■ **The problem**:
Of the records that follow, copy only the lines from the line containing "#25=IFCINDEXEDPOLYGONALFACE((4,40,72,36));" to the line containing "#35=IFCINDEXEDPOLYGONALFACE((14,16,52,50));", both included, exactly as written.

■ **Exercise data**:

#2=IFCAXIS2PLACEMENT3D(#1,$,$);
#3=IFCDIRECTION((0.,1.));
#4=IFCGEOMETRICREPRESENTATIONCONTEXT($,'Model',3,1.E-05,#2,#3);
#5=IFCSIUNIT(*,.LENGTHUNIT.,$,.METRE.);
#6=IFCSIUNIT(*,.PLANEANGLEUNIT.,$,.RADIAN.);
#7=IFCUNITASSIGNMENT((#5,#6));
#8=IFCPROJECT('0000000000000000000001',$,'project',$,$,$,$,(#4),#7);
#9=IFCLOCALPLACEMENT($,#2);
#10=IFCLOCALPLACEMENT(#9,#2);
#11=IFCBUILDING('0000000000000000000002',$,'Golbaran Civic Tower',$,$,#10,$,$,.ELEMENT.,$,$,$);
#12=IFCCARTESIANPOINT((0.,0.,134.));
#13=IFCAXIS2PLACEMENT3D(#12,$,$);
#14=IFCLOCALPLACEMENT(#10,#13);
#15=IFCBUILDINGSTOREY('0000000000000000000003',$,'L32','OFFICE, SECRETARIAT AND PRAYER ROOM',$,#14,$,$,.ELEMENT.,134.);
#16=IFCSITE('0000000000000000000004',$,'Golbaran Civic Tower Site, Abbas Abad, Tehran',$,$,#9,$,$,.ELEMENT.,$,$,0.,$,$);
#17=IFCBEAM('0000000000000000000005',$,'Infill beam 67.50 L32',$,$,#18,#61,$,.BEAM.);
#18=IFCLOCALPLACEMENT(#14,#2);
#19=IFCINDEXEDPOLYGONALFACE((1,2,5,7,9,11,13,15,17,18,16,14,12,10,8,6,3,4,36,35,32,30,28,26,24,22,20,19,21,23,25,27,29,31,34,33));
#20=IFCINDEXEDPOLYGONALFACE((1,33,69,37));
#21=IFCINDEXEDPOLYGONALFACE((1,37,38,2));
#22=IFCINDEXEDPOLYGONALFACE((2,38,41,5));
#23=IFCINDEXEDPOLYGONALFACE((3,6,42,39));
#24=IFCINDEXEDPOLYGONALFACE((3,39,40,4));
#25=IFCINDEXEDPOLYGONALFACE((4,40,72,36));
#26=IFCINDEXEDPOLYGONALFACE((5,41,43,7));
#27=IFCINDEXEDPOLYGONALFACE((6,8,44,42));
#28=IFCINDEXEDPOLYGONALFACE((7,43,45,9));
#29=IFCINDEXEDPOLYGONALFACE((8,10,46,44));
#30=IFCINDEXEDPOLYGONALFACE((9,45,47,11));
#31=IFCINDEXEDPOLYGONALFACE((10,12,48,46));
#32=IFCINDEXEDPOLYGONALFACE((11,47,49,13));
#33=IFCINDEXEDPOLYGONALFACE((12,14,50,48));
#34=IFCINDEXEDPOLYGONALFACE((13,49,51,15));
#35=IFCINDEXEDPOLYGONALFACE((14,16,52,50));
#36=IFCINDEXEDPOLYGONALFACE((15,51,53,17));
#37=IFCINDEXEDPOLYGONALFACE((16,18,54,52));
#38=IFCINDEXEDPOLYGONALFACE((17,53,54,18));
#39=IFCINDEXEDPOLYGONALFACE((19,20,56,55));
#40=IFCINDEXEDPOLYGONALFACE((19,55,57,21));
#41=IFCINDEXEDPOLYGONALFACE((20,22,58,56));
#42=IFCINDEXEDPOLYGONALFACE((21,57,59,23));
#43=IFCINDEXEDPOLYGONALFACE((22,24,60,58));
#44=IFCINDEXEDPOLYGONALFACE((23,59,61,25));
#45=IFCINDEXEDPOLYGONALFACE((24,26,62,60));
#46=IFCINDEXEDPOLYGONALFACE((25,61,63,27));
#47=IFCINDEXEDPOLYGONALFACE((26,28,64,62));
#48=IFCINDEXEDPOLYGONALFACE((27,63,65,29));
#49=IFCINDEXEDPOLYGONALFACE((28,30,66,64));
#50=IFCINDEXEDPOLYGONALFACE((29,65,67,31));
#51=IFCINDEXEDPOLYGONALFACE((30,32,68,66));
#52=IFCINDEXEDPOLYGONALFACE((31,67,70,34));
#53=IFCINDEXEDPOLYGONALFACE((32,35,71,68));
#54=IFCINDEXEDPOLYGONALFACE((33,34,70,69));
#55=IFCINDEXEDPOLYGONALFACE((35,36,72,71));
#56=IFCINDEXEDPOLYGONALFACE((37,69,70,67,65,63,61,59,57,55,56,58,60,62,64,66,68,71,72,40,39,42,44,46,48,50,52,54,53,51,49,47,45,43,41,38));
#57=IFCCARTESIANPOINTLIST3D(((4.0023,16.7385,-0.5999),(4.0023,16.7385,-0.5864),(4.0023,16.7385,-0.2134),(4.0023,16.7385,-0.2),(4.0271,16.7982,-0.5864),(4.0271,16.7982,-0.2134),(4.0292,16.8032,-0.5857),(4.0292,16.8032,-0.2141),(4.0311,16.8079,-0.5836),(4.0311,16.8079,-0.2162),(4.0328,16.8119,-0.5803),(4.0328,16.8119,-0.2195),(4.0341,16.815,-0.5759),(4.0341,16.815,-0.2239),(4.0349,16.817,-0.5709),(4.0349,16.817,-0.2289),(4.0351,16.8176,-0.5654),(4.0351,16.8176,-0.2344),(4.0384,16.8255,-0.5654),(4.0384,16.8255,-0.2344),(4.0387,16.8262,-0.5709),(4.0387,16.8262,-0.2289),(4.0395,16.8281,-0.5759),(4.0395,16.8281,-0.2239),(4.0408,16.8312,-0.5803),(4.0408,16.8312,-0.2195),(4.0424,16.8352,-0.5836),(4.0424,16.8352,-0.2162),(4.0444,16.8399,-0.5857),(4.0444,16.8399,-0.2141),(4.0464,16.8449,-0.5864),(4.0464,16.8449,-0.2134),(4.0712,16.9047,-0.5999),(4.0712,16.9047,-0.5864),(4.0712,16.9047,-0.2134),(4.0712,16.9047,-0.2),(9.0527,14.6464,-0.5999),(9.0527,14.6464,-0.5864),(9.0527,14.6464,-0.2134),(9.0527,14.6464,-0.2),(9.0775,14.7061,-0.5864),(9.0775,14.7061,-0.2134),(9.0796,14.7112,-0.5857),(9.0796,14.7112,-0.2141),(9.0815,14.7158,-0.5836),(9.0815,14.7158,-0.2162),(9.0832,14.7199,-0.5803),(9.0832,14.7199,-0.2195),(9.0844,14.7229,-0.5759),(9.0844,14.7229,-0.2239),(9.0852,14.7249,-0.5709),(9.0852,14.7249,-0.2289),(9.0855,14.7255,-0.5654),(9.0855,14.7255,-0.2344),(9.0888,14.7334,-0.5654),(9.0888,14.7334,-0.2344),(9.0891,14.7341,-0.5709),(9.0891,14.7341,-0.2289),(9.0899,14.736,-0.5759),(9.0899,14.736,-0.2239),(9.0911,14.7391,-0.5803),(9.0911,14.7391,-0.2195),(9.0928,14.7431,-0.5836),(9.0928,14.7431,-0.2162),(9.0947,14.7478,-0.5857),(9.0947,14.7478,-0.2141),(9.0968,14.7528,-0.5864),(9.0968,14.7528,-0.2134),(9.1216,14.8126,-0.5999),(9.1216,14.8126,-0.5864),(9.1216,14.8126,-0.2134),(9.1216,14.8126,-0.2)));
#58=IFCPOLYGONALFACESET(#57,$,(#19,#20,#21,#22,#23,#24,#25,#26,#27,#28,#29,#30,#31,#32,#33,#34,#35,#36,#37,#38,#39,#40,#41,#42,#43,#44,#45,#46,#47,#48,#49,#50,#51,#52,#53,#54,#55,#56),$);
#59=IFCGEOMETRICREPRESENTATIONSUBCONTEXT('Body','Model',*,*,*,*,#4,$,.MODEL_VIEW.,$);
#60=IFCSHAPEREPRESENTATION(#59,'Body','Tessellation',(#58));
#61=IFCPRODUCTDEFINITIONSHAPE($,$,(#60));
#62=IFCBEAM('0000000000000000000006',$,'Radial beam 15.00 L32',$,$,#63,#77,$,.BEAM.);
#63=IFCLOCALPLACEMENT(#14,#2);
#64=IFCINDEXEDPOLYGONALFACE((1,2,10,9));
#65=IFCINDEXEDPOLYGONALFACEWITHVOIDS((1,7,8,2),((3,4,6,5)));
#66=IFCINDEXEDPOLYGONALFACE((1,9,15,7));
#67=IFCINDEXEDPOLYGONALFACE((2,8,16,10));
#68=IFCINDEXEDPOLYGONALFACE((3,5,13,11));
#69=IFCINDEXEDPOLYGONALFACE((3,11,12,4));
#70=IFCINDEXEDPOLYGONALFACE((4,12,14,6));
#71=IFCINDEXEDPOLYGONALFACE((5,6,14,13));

■ **Solution to the exercise**:
#25=IFCINDEXEDPOLYGONALFACE((4,40,72,36));
#26=IFCINDEXEDPOLYGONALFACE((5,41,43,7));
#27=IFCINDEXEDPOLYGONALFACE((6,8,44,42));
#28=IFCINDEXEDPOLYGONALFACE((7,43,45,9));
#29=IFCINDEXEDPOLYGONALFACE((8,10,46,44));
#30=IFCINDEXEDPOLYGONALFACE((9,45,47,11));
#31=IFCINDEXEDPOLYGONALFACE((10,12,48,46));
#32=IFCINDEXEDPOLYGONALFACE((11,47,49,13));
#33=IFCINDEXEDPOLYGONALFACE((12,14,50,48));
#34=IFCINDEXEDPOLYGONALFACE((13,49,51,15));
#35=IFCINDEXEDPOLYGONALFACE((14,16,52,50));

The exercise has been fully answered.